Exercise requirements:
Transcribe each record below character for character.
= = = =
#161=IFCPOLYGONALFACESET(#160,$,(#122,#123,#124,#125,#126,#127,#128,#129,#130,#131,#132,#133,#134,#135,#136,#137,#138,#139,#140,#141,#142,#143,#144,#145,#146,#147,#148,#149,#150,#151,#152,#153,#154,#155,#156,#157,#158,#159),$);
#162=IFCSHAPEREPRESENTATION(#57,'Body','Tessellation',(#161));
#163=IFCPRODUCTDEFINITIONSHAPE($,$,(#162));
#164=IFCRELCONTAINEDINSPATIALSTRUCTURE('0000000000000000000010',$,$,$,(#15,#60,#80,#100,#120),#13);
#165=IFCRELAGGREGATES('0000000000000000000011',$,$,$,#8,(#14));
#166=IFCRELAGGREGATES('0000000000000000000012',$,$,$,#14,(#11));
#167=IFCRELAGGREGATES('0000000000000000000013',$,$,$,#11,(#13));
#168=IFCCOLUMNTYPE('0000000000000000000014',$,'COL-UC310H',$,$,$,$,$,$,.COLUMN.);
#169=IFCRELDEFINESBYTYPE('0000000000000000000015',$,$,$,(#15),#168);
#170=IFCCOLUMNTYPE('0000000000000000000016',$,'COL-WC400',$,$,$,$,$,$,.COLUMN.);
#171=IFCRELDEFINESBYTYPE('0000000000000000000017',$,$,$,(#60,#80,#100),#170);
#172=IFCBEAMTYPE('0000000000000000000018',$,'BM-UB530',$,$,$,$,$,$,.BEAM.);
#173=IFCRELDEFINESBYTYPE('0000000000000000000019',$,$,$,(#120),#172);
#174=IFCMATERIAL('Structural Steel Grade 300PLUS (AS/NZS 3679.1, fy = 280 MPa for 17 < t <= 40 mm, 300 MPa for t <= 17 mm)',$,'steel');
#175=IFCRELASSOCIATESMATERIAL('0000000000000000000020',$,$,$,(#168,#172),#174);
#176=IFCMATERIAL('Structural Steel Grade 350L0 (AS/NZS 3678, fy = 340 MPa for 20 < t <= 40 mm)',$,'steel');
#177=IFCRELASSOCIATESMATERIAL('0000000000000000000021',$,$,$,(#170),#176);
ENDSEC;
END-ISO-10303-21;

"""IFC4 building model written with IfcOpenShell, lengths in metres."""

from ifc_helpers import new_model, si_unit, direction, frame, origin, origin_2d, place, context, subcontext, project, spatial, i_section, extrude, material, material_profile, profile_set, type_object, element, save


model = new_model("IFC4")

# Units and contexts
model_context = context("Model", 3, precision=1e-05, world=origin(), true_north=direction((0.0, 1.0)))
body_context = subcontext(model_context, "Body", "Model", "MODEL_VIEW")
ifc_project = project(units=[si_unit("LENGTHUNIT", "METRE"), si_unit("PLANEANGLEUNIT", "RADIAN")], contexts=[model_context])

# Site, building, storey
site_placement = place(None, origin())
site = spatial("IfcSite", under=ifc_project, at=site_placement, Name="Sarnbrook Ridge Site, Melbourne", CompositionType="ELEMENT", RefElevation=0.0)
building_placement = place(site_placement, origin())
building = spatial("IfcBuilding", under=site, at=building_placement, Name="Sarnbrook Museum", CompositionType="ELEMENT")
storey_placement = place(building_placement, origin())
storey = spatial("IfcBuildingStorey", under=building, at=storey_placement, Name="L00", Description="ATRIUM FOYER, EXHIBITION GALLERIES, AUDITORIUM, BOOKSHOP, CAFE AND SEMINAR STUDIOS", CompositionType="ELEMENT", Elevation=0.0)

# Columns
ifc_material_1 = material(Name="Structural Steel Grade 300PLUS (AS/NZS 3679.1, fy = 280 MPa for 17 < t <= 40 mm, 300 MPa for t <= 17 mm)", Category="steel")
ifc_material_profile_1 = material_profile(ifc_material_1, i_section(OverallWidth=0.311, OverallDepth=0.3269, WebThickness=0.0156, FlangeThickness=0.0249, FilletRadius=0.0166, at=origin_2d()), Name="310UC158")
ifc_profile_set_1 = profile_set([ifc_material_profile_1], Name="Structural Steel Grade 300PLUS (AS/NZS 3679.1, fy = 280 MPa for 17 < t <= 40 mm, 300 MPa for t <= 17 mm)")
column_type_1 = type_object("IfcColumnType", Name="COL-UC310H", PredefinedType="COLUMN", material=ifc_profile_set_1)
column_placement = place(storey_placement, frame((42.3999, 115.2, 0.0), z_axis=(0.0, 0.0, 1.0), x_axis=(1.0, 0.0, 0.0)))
= = = =
Solved problem:
#161=IFCPOLYGONALFACESET(#160,$,(#122,#123,#124,#125,#126,#127,#128,#129,#130,#131,#132,#133,#134,#135,#136,#137,#138,#139,#140,#141,#142,#143,#144,#145,#146,#147,#148,#149,#150,#151,#152,#153,#154,#155,#156,#157,#158,#159),$);
#162=IFCSHAPEREPRESENTATION(#57,'Body','Tessellation',(#161));
#163=IFCPRODUCTDEFINITIONSHAPE($,$,(#162));
#164=IFCRELCONTAINEDINSPATIALSTRUCTURE('0000000000000000000010',$,$,$,(#15,#60,#80,#100,#120),#13);
#165=IFCRELAGGREGATES('0000000000000000000011',$,$,$,#8,(#14));
#166=IFCRELAGGREGATES('0000000000000000000012',$,$,$,#14,(#11));
#167=IFCRELAGGREGATES('0000000000000000000013',$,$,$,#11,(#13));
#168=IFCCOLUMNTYPE('0000000000000000000014',$,'COL-UC310H',$,$,$,$,$,$,.COLUMN.);
#169=IFCRELDEFINESBYTYPE('0000000000000000000015',$,$,$,(#15),#168);
#170=IFCCOLUMNTYPE('0000000000000000000016',$,'COL-WC400',$,$,$,$,$,$,.COLUMN.);
#171=IFCRELDEFINESBYTYPE('0000000000000000000017',$,$,$,(#60,#80,#100),#170);
#172=IFCBEAMTYPE('0000000000000000000018',$,'BM-UB530',$,$,$,$,$,$,.BEAM.);
#173=IFCRELDEFINESBYTYPE('0000000000000000000019',$,$,$,(#120),#172);
#174=IFCMATERIAL('Structural Steel Grade 300PLUS (AS/NZS 3679.1, fy = 280 MPa for 17 < t <= 40 mm, 300 MPa for t <= 17 mm)',$,'steel');
#175=IFCRELASSOCIATESMATERIAL('0000000000000000000020',$,$,$,(#168,#172),#174);
#176=IFCMATERIAL('Structural Steel Grade 350L0 (AS/NZS 3678, fy = 340 MPa for 20 < t <= 40 mm)',$,'steel');
#177=IFCRELASSOCIATESMATERIAL('0000000000000000000021',$,$,$,(#170),#176);
ENDSEC;
END-ISO-10303-21;

"""IFC4 building model written with IfcOpenShell, lengths in metres."""

from ifc_helpers import new_model, si_unit, direction, frame, origin, origin_2d, place, context, subcontext, project, spatial, i_section, extrude, material, material_profile, profile_set, type_object, element, save


model = new_model("IFC4")

# Units and contexts
model_context = context("Model", 3, precision=1e-05, world=origin(), true_north=direction((0.0, 1.0)))
body_context = subcontext(model_context, "Body", "Model", "MODEL_VIEW")
ifc_project = project(units=[si_unit("LENGTHUNIT", "METRE"), si_unit("PLANEANGLEUNIT", "RADIAN")], contexts=[model_context])

# Site, building, storey
site_placement = place(None, origin())
site = spatial("IfcSite", under=ifc_project, at=site_placement, Name="Sarnbrook Ridge Site, Melbourne", CompositionType="ELEMENT", RefElevation=0.0)
building_placement = place(site_placement, origin())
building = spatial("IfcBuilding", under=site, at=building_placement, Name="Sarnbrook Museum", CompositionType="ELEMENT")
storey_placement = place(building_placement, origin())
storey = spatial("IfcBuildingStorey", under=building, at=storey_placement, Name="L00", Description="ATRIUM FOYER, EXHIBITION GALLERIES, AUDITORIUM, BOOKSHOP, CAFE AND SEMINAR STUDIOS", CompositionType="ELEMENT", Elevation=0.0)

# Columns
ifc_material_1 = material(Name="Structural Steel Grade 300PLUS (AS/NZS 3679.1, fy = 280 MPa for 17 < t <= 40 mm, 300 MPa for t <= 17 mm)", Category="steel")
ifc_material_profile_1 = material_profile(ifc_material_1, i_section(OverallWidth=0.311, OverallDepth=0.3269, WebThickness=0.0156, FlangeThickness=0.0249, FilletRadius=0.0166, at=origin_2d()), Name="310UC158")
ifc_profile_set_1 = profile_set([ifc_material_profile_1], Name="Structural Steel Grade 300PLUS (AS/NZS 3679.1, fy = 280 MPa for 17 < t <= 40 mm, 300 MPa for t <= 17 mm)")
column_type_1 = type_object("IfcColumnType", Name="COL-UC310H", PredefinedType="COLUMN", material=ifc_profile_set_1)
column_placement = place(storey_placement, frame((42.3999, 115.2, 0.0), z_axis=(0.0, 0.0, 1.0), x_axis=(1.0, 0.0, 0.0)))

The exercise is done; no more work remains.